Work item >> Within the records below, find each line with the word "rectangle" and copy it out.

[Saved data entries]
_ _ _ _ _

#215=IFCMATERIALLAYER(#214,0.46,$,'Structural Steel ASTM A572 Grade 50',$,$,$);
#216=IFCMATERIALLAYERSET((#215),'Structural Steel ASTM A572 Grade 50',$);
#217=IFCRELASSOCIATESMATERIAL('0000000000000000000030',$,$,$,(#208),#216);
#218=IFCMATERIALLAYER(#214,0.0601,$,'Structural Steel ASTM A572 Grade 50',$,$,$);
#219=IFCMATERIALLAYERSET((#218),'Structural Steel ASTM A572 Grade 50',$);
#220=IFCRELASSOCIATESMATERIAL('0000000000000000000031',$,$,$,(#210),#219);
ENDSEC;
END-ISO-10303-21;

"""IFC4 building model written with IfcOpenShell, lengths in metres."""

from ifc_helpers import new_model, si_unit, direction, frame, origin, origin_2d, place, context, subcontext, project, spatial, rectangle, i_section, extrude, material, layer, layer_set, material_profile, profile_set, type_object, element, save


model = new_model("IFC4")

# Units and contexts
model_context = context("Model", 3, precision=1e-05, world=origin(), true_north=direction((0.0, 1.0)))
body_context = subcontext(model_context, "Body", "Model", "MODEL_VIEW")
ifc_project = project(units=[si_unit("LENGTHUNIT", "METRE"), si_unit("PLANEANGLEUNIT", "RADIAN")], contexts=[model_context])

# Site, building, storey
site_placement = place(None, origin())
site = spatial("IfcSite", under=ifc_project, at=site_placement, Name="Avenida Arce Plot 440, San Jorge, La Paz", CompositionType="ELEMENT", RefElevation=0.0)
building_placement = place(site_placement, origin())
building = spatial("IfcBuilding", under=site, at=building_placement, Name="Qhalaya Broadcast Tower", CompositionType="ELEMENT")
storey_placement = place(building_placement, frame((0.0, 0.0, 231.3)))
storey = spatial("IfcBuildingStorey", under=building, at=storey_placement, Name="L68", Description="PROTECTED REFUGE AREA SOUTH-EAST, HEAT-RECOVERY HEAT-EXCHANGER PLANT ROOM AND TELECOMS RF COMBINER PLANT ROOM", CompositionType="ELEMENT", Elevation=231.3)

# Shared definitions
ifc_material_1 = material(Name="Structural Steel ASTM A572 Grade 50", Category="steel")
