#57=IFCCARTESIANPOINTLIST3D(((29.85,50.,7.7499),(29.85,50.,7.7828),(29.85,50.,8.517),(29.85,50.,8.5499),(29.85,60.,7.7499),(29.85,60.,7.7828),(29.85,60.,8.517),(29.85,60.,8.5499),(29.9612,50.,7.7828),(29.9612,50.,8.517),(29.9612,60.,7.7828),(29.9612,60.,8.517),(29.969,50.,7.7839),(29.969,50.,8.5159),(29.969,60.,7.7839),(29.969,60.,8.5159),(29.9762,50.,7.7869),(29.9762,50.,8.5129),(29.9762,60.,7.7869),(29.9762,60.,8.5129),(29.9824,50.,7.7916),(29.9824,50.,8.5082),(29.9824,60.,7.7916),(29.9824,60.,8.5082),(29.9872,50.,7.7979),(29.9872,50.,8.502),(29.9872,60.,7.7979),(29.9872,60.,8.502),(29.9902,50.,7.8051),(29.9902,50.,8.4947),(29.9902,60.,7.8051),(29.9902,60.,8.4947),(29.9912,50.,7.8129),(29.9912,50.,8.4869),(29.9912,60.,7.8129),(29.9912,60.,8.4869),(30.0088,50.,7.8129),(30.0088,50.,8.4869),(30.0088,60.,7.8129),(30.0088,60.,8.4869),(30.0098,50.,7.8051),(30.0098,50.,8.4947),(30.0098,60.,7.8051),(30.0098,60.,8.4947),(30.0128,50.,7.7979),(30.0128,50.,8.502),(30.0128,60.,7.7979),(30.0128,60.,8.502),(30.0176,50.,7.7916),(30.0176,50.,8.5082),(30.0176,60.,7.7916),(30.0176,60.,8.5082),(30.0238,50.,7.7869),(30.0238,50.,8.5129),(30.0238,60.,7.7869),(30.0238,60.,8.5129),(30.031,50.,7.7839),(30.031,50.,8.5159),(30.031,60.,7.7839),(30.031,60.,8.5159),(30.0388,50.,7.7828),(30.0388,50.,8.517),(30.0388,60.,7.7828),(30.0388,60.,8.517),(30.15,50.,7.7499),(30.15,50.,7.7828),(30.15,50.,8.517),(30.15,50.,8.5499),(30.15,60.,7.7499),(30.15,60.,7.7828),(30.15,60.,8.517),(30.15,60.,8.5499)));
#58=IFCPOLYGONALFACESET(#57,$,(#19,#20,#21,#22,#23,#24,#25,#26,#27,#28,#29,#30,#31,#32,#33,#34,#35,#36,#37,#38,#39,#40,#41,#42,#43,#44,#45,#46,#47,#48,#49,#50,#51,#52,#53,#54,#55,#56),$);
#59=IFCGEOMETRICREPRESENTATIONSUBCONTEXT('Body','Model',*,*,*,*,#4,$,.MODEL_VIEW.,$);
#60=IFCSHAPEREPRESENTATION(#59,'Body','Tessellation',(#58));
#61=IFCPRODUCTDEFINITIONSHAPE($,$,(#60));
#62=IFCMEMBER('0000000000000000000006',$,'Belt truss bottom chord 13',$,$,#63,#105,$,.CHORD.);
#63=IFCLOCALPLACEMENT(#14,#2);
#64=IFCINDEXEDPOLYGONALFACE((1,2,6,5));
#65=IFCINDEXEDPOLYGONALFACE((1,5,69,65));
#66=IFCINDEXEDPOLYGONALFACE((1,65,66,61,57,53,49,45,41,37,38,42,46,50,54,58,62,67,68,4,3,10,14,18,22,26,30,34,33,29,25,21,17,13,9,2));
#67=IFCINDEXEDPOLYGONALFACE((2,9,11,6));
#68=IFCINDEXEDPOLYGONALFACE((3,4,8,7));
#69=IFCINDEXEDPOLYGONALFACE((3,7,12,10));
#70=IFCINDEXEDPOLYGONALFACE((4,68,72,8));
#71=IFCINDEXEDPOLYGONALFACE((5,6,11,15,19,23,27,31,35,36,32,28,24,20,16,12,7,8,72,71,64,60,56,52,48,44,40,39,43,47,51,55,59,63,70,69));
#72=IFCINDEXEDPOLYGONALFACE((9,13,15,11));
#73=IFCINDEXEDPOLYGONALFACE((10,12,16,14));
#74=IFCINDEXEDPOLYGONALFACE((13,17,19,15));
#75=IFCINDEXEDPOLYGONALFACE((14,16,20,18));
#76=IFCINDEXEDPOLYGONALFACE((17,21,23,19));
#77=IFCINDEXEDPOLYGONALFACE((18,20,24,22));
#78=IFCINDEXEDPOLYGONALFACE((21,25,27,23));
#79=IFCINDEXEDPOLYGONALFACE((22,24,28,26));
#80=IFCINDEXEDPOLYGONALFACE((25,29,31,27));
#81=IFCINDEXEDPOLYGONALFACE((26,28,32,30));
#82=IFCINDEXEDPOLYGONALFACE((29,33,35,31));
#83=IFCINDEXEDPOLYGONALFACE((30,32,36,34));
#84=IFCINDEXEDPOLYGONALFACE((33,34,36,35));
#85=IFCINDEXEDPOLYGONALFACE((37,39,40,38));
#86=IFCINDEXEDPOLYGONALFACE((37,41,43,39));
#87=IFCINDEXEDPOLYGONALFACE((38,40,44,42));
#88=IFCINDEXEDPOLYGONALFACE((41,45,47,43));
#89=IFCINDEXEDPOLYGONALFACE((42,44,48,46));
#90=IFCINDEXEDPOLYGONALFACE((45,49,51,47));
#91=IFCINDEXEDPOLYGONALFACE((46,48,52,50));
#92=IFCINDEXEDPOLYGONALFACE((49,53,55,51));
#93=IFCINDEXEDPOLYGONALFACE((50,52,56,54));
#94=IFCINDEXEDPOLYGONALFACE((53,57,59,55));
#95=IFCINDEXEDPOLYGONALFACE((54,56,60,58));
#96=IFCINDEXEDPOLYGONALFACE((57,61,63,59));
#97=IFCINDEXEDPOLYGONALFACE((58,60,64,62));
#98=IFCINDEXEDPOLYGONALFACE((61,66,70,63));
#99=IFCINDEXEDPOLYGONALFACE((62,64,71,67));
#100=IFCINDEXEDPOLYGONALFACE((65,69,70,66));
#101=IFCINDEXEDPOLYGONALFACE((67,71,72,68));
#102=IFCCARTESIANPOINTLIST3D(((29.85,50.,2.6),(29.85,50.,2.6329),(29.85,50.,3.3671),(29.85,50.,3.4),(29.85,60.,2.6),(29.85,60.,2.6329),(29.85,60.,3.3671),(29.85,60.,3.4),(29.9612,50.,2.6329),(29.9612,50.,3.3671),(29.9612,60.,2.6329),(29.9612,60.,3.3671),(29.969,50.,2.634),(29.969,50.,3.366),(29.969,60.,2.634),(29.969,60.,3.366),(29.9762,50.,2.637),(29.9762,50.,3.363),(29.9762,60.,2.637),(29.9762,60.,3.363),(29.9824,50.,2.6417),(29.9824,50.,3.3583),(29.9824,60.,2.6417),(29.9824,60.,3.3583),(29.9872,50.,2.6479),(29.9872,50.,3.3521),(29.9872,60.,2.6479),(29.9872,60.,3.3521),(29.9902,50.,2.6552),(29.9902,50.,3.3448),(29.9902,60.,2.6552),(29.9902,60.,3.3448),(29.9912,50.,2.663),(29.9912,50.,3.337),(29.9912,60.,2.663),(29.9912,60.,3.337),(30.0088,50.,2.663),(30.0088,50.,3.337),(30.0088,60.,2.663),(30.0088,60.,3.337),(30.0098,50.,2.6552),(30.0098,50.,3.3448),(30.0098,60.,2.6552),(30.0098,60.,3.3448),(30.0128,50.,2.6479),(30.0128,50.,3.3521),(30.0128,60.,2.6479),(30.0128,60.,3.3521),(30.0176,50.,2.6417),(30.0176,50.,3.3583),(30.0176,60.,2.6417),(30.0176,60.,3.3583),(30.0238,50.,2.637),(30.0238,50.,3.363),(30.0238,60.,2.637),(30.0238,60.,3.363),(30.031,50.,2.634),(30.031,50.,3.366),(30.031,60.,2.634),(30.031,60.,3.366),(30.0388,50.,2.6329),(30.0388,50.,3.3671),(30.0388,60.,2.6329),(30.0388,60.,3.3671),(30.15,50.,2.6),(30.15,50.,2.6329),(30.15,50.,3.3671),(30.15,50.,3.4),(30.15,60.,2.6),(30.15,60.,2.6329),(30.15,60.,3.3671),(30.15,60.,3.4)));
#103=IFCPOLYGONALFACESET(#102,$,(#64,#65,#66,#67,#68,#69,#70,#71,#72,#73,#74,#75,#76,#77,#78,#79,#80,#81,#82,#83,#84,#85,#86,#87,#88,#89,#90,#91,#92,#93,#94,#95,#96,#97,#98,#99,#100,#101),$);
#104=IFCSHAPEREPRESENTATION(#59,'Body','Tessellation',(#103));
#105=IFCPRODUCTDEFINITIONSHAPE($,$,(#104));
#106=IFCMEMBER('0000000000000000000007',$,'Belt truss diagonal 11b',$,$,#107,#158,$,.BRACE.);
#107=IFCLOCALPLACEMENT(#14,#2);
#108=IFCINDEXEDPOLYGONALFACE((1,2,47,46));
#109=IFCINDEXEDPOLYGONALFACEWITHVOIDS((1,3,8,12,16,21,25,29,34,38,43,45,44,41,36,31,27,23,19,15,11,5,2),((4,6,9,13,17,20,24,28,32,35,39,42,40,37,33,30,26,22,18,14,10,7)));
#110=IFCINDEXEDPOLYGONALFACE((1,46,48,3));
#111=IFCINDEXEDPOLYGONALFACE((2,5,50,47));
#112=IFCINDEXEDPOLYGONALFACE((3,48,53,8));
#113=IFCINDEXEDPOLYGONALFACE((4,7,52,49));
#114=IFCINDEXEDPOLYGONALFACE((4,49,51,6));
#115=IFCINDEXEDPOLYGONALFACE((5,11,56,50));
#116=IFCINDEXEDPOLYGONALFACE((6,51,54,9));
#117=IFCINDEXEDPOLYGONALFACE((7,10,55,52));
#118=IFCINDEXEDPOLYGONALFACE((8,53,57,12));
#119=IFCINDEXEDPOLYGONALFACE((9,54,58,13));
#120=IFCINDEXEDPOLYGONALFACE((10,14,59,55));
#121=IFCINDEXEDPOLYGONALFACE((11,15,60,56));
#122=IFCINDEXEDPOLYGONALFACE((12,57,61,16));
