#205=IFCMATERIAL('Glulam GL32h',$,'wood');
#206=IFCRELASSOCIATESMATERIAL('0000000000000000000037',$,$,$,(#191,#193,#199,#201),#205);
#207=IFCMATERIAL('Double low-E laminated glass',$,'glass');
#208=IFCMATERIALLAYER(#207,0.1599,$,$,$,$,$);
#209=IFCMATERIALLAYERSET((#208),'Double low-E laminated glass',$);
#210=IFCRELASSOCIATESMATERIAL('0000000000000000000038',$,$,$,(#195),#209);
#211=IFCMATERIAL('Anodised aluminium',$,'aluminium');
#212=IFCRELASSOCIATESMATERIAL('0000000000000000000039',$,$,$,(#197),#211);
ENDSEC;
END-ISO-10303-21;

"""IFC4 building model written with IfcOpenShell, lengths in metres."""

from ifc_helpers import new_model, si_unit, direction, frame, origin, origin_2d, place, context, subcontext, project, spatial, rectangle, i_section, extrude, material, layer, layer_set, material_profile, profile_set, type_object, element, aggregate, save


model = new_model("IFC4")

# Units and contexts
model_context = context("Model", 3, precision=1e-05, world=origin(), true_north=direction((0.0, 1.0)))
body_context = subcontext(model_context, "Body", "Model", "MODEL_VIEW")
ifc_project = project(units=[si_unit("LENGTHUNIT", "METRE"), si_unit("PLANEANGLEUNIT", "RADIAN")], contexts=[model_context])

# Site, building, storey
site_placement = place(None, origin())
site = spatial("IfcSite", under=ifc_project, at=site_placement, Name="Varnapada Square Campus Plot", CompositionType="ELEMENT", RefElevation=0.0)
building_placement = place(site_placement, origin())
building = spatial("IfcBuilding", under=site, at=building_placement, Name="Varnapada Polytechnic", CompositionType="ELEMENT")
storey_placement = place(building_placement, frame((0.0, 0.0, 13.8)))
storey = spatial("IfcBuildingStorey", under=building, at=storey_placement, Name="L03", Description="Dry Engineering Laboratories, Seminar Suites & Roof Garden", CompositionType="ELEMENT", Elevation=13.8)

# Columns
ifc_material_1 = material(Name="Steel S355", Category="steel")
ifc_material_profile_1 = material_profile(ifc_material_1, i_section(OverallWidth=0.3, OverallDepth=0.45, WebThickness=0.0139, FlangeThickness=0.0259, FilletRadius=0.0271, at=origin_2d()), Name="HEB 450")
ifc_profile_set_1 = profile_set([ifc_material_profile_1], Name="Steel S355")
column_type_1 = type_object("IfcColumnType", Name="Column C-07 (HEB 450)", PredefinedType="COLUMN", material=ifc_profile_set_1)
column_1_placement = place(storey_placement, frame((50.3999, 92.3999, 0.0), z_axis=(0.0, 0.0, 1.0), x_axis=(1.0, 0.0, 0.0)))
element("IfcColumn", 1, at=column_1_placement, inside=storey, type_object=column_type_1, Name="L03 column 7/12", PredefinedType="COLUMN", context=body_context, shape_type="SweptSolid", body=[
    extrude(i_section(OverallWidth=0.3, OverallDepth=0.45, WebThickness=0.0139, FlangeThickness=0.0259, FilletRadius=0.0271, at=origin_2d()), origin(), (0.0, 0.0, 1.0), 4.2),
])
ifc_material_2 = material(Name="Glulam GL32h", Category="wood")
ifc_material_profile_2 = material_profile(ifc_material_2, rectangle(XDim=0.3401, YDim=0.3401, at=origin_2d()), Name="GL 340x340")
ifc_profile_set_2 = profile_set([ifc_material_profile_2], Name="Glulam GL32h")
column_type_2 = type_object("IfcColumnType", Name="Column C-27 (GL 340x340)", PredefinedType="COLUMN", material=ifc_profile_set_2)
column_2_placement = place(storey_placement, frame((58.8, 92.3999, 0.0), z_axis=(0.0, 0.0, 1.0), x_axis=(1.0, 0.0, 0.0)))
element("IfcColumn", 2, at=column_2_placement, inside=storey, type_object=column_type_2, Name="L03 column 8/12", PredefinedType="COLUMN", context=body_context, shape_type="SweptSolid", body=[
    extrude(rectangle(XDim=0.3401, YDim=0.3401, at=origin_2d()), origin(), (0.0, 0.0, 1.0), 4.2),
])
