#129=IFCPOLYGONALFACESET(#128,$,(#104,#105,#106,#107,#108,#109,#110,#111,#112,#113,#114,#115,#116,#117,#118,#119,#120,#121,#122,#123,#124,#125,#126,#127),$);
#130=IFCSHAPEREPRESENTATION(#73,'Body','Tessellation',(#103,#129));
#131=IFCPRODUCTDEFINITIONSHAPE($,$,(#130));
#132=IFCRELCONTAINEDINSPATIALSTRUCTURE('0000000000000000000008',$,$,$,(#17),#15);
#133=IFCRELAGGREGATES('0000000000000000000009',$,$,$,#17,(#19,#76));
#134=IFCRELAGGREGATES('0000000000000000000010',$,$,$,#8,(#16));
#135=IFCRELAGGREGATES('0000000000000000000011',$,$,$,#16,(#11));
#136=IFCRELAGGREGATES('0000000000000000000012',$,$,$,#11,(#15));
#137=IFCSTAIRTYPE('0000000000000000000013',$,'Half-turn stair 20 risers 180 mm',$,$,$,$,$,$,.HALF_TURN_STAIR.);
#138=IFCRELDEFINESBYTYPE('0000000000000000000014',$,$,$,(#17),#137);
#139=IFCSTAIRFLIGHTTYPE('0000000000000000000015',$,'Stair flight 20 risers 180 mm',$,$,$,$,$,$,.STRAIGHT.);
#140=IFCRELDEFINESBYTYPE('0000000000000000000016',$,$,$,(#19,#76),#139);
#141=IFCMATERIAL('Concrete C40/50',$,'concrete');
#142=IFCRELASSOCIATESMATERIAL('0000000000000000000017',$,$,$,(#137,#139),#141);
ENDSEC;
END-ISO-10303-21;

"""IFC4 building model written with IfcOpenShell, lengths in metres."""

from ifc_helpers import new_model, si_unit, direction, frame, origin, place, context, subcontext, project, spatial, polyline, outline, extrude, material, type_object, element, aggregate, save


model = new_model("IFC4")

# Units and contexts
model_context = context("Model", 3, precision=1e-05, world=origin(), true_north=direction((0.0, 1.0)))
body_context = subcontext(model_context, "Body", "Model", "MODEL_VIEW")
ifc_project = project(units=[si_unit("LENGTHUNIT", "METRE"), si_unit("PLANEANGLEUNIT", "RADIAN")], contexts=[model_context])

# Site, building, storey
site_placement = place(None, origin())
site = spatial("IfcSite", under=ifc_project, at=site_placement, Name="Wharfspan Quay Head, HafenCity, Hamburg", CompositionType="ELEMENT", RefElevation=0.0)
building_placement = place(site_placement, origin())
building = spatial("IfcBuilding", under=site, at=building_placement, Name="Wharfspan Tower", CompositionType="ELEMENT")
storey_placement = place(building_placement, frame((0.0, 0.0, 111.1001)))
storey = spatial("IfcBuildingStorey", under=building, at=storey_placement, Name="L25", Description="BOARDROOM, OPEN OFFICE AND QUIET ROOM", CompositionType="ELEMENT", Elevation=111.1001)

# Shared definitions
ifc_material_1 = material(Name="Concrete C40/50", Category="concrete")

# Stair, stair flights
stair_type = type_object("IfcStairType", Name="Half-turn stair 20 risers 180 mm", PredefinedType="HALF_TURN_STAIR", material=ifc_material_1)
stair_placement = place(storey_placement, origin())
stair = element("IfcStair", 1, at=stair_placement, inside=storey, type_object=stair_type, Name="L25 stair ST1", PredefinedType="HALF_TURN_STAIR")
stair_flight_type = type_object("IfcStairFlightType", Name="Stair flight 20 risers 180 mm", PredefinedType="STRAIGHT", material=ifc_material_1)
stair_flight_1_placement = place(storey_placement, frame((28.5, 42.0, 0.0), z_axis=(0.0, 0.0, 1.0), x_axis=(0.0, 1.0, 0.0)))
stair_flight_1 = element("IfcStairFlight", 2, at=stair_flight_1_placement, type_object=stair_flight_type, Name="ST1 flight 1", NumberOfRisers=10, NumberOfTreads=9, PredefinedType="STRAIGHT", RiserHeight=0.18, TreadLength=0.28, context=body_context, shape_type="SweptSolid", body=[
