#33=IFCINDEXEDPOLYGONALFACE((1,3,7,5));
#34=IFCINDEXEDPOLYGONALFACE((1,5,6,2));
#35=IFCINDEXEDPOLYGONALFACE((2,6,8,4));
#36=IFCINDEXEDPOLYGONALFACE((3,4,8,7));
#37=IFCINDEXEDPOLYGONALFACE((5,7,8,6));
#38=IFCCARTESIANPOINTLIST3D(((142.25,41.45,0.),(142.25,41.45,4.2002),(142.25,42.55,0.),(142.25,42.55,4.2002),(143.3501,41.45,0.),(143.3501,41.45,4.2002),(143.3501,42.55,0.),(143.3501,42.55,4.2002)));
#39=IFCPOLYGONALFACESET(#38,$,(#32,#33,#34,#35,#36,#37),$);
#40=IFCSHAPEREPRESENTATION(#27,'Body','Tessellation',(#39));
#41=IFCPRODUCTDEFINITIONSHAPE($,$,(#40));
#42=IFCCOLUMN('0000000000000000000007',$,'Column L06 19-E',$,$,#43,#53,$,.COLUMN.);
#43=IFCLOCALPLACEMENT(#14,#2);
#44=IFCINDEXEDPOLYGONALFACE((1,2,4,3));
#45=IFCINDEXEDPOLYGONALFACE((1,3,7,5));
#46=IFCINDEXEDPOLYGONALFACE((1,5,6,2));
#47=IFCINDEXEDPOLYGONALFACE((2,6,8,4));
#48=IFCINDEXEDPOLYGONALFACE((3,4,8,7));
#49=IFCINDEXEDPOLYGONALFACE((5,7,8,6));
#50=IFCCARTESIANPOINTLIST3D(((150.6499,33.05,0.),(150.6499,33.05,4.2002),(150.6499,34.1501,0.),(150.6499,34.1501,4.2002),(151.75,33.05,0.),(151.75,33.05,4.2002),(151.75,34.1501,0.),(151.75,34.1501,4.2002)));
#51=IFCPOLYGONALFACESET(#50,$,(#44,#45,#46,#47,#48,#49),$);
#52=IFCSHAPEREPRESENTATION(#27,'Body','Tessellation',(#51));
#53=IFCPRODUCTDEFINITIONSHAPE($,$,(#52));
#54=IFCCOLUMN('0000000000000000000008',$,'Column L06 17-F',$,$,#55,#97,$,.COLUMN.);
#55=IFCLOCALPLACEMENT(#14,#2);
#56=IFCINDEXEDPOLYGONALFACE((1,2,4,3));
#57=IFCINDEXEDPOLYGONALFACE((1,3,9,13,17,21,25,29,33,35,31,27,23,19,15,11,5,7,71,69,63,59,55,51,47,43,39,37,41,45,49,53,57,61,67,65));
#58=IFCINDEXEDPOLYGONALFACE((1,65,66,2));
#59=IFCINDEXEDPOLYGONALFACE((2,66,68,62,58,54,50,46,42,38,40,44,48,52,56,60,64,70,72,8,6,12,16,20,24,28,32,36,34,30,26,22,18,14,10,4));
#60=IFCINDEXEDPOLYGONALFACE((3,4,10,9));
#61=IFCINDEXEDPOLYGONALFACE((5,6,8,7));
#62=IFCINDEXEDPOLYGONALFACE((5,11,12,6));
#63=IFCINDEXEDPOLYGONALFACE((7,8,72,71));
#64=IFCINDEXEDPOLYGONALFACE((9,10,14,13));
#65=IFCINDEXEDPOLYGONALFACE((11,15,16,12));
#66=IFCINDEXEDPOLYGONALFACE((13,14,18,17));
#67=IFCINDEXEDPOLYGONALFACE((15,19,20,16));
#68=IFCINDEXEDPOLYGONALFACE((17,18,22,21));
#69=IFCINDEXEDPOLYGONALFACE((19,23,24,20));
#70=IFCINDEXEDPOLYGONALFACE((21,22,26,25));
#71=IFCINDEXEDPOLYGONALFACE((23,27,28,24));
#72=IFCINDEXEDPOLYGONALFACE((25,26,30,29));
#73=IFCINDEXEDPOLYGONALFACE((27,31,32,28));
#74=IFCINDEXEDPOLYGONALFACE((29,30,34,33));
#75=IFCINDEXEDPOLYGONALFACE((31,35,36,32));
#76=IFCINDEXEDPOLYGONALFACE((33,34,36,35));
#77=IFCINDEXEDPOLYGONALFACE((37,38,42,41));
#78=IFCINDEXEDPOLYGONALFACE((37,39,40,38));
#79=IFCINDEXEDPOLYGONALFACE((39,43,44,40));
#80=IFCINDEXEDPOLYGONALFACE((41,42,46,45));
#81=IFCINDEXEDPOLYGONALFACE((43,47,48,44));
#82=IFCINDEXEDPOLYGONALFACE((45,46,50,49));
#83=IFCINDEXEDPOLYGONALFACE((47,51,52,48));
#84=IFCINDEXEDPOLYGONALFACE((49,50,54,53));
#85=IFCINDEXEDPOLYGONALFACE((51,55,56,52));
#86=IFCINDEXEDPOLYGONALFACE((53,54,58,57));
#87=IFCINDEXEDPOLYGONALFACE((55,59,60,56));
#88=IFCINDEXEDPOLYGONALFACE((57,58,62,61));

_ _ _ _ _

Answer box >>
from ifc_helpers import new_model, si_unit, direction, frame, origin, origin_2d, place, context, subcontext, project, spatial, rectangle, i_section, extrude, material, layer, layer_set, material_profile, profile_set, type_object, element, save
from ifc_helpers import new_model, si_unit, direction, frame, origin, origin_2d, place, context, subcontext, project, spatial, rectangle, i_section, extrude, material, layer, layer_set, material_profile, profile_set, type_object, element, aggregate, save
ifc_material_profile_2 = material_profile(ifc_material_2, rectangle(XDim=0.3401, YDim=0.3401, at=origin_2d()), Name="GL 340x340")
    extrude(rectangle(XDim=0.3401, YDim=0.3401, at=origin_2d()), origin(), (0.0, 0.0, 1.0), 4.2),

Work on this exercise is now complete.